:: Task item ::
Gather, from the data below, each line in which the word "IFCRELASSOCIATESMATERIAL" occurs.

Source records

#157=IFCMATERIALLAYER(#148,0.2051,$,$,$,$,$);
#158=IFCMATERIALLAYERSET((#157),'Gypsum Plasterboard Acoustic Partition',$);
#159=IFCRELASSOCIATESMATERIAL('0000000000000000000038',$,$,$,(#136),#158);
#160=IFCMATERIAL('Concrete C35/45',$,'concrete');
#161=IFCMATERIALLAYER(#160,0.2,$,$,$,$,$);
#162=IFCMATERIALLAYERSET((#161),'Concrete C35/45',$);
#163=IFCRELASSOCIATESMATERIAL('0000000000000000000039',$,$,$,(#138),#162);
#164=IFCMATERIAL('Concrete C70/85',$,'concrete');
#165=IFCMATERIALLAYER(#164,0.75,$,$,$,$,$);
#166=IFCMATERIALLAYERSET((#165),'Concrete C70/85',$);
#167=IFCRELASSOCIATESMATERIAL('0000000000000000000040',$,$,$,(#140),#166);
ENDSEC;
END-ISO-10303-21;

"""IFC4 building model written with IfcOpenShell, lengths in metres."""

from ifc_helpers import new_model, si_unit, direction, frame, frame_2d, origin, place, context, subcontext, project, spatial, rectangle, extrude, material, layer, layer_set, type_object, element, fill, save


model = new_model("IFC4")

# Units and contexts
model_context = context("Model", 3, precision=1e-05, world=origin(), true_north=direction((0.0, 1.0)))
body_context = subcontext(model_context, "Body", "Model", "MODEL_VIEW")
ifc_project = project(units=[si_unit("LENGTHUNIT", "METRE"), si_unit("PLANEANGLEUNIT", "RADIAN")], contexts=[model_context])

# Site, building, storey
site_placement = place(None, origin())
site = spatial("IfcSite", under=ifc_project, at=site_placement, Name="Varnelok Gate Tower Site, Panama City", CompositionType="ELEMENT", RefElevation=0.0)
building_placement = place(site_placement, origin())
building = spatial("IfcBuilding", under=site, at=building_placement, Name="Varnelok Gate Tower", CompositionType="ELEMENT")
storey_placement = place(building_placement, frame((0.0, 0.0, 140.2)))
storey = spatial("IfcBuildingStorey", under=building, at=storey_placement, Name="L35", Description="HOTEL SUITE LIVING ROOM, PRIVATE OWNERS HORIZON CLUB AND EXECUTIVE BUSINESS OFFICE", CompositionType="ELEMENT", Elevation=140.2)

:: Written solution ::
#159=IFCRELASSOCIATESMATERIAL('0000000000000000000038',$,$,$,(#136),#158);
#163=IFCRELASSOCIATESMATERIAL('0000000000000000000039',$,$,$,(#138),#162);
#167=IFCRELASSOCIATESMATERIAL('0000000000000000000040',$,$,$,(#140),#166);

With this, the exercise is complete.